About this task — From the records below, transcribe exactly the lines that begin at the line with "from ifc_helpers import" and end at the line with "x_axis=(0.173651, -0.984807, 0.0)))", both included.

Stored data entries:
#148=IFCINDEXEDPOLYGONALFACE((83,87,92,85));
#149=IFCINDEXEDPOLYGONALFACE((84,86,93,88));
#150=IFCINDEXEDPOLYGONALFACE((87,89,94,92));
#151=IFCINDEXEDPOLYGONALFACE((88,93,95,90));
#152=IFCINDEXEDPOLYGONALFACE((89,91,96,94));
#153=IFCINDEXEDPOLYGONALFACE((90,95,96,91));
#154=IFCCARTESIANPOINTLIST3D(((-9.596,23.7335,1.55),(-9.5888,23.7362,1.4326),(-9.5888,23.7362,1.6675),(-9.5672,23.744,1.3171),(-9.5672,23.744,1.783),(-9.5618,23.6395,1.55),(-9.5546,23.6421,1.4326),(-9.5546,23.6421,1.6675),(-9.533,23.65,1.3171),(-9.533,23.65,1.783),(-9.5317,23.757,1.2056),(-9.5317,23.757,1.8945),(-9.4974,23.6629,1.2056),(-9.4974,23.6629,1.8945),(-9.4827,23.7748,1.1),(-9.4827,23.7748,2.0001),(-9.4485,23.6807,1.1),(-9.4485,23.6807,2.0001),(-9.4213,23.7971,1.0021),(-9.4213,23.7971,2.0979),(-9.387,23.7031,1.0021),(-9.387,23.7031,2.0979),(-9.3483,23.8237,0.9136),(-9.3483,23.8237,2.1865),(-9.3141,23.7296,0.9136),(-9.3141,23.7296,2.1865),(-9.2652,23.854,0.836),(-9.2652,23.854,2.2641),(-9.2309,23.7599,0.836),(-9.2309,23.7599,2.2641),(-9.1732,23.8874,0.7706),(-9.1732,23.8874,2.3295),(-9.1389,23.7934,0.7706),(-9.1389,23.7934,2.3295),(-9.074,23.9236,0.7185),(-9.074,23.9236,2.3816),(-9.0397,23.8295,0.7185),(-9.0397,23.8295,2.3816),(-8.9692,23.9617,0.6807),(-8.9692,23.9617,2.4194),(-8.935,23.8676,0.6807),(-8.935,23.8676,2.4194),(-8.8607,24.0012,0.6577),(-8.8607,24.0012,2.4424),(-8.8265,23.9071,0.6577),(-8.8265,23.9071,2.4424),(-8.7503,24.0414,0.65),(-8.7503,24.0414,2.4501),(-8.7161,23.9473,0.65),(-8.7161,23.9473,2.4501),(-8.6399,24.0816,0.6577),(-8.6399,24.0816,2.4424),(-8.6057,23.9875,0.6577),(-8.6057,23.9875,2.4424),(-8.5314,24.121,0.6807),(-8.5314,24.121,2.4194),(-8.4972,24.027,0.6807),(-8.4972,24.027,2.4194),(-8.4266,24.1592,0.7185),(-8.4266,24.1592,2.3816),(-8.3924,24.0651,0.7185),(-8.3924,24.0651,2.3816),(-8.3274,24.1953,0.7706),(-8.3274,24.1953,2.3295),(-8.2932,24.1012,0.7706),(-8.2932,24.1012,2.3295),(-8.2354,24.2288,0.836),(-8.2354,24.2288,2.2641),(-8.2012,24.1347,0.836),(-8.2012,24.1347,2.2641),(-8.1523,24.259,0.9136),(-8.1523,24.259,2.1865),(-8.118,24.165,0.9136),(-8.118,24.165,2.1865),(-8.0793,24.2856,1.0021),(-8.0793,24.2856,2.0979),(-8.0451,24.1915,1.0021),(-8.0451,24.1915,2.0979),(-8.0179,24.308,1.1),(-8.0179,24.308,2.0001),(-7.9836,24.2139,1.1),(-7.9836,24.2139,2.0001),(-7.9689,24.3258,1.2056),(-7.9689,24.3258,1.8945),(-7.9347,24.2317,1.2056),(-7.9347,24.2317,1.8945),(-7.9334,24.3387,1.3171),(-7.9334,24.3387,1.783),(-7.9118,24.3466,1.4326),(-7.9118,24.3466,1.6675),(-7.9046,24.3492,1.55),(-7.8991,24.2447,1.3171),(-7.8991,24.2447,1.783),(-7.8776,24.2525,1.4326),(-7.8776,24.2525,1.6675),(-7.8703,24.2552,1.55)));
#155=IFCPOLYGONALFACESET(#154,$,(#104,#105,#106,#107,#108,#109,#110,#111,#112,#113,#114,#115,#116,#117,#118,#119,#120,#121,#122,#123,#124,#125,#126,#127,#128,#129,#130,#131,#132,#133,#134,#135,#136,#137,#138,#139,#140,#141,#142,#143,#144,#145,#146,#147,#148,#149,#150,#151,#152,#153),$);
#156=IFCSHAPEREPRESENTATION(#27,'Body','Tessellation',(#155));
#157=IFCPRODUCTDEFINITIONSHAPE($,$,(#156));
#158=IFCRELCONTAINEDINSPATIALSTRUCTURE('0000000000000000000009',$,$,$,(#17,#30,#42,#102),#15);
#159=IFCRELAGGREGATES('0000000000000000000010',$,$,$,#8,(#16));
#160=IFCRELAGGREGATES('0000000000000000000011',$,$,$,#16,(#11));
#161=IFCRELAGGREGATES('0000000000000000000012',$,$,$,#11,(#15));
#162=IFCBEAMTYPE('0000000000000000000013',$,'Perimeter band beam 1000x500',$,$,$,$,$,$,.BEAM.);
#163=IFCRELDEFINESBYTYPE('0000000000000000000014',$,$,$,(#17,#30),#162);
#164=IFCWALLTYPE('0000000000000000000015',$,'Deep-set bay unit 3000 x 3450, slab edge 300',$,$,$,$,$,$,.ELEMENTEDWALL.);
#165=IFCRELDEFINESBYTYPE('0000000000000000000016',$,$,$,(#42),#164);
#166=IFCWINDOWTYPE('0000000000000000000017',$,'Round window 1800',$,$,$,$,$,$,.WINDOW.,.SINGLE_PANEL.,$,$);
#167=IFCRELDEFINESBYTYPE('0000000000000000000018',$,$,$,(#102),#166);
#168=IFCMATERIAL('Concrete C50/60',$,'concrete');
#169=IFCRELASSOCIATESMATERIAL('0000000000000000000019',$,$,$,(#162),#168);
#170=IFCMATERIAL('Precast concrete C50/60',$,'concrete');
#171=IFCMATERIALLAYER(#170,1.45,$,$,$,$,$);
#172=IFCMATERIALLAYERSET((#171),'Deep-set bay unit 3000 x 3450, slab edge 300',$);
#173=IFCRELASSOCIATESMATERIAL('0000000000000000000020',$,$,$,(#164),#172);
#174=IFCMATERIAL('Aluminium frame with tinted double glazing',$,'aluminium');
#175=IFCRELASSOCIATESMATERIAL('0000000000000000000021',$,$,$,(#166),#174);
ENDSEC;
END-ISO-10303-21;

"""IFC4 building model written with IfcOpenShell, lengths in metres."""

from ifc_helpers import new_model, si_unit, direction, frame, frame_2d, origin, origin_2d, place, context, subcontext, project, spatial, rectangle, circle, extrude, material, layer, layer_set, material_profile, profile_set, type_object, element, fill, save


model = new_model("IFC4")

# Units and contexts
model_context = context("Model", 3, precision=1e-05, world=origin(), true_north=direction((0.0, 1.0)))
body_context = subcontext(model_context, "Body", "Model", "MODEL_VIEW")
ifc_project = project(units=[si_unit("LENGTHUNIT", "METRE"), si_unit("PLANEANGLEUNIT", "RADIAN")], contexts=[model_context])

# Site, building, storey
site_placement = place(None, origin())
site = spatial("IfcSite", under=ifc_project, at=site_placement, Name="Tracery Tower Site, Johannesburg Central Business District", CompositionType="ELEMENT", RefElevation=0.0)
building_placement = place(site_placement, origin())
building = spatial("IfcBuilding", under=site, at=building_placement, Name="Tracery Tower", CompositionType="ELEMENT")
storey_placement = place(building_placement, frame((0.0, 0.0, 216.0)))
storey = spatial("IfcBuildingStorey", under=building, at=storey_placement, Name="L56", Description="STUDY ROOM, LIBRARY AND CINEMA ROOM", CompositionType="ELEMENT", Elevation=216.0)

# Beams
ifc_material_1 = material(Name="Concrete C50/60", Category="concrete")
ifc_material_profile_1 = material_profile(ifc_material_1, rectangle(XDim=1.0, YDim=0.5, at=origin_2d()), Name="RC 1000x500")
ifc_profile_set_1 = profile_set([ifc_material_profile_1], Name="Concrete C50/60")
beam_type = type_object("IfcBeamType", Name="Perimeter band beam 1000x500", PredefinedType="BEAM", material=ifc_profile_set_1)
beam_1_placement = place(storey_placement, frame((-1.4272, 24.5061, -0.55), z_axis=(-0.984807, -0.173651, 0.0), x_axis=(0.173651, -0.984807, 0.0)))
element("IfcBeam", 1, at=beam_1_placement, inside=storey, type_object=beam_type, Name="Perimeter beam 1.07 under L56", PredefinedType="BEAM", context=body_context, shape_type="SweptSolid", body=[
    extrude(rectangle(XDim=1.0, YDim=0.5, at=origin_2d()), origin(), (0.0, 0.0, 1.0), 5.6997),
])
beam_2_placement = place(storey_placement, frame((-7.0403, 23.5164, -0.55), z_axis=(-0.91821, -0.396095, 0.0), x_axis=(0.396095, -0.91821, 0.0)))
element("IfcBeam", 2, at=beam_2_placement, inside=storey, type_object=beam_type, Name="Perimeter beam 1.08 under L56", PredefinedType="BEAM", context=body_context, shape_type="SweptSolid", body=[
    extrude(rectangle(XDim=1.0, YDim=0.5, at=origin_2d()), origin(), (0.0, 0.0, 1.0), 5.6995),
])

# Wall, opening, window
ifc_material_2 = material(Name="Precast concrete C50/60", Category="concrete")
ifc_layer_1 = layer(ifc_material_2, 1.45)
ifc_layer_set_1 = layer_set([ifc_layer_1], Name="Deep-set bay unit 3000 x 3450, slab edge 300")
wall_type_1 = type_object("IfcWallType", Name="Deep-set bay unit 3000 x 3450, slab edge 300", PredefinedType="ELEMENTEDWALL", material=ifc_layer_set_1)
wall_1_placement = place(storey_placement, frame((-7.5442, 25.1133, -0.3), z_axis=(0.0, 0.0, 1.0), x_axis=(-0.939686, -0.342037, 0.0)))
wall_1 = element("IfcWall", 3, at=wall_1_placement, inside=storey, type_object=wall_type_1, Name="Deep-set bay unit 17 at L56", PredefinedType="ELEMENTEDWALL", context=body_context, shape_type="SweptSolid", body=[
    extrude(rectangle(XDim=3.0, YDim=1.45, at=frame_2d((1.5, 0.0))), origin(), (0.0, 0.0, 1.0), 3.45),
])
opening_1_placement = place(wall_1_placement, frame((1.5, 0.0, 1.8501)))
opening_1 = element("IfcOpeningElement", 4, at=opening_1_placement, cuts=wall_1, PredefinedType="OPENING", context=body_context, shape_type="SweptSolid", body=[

Task result —
from ifc_helpers import new_model, si_unit, direction, frame, frame_2d, origin, origin_2d, place, context, subcontext, project, spatial, rectangle, circle, extrude, material, layer, layer_set, material_profile, profile_set, type_object, element, fill, save


model = new_model("IFC4")

# Units and contexts
model_context = context("Model", 3, precision=1e-05, world=origin(), true_north=direction((0.0, 1.0)))
body_context = subcontext(model_context, "Body", "Model", "MODEL_VIEW")
ifc_project = project(units=[si_unit("LENGTHUNIT", "METRE"), si_unit("PLANEANGLEUNIT", "RADIAN")], contexts=[model_context])

# Site, building, storey
site_placement = place(None, origin())
site = spatial("IfcSite", under=ifc_project, at=site_placement, Name="Tracery Tower Site, Johannesburg Central Business District", CompositionType="ELEMENT", RefElevation=0.0)
building_placement = place(site_placement, origin())
building = spatial("IfcBuilding", under=site, at=building_placement, Name="Tracery Tower", CompositionType="ELEMENT")
storey_placement = place(building_placement, frame((0.0, 0.0, 216.0)))
storey = spatial("IfcBuildingStorey", under=building, at=storey_placement, Name="L56", Description="STUDY ROOM, LIBRARY AND CINEMA ROOM", CompositionType="ELEMENT", Elevation=216.0)

# Beams
ifc_material_1 = material(Name="Concrete C50/60", Category="concrete")
ifc_material_profile_1 = material_profile(ifc_material_1, rectangle(XDim=1.0, YDim=0.5, at=origin_2d()), Name="RC 1000x500")
ifc_profile_set_1 = profile_set([ifc_material_profile_1], Name="Concrete C50/60")
beam_type = type_object("IfcBeamType", Name="Perimeter band beam 1000x500", PredefinedType="BEAM", material=ifc_profile_set_1)
beam_1_placement = place(storey_placement, frame((-1.4272, 24.5061, -0.55), z_axis=(-0.984807, -0.173651, 0.0), x_axis=(0.173651, -0.984807, 0.0)))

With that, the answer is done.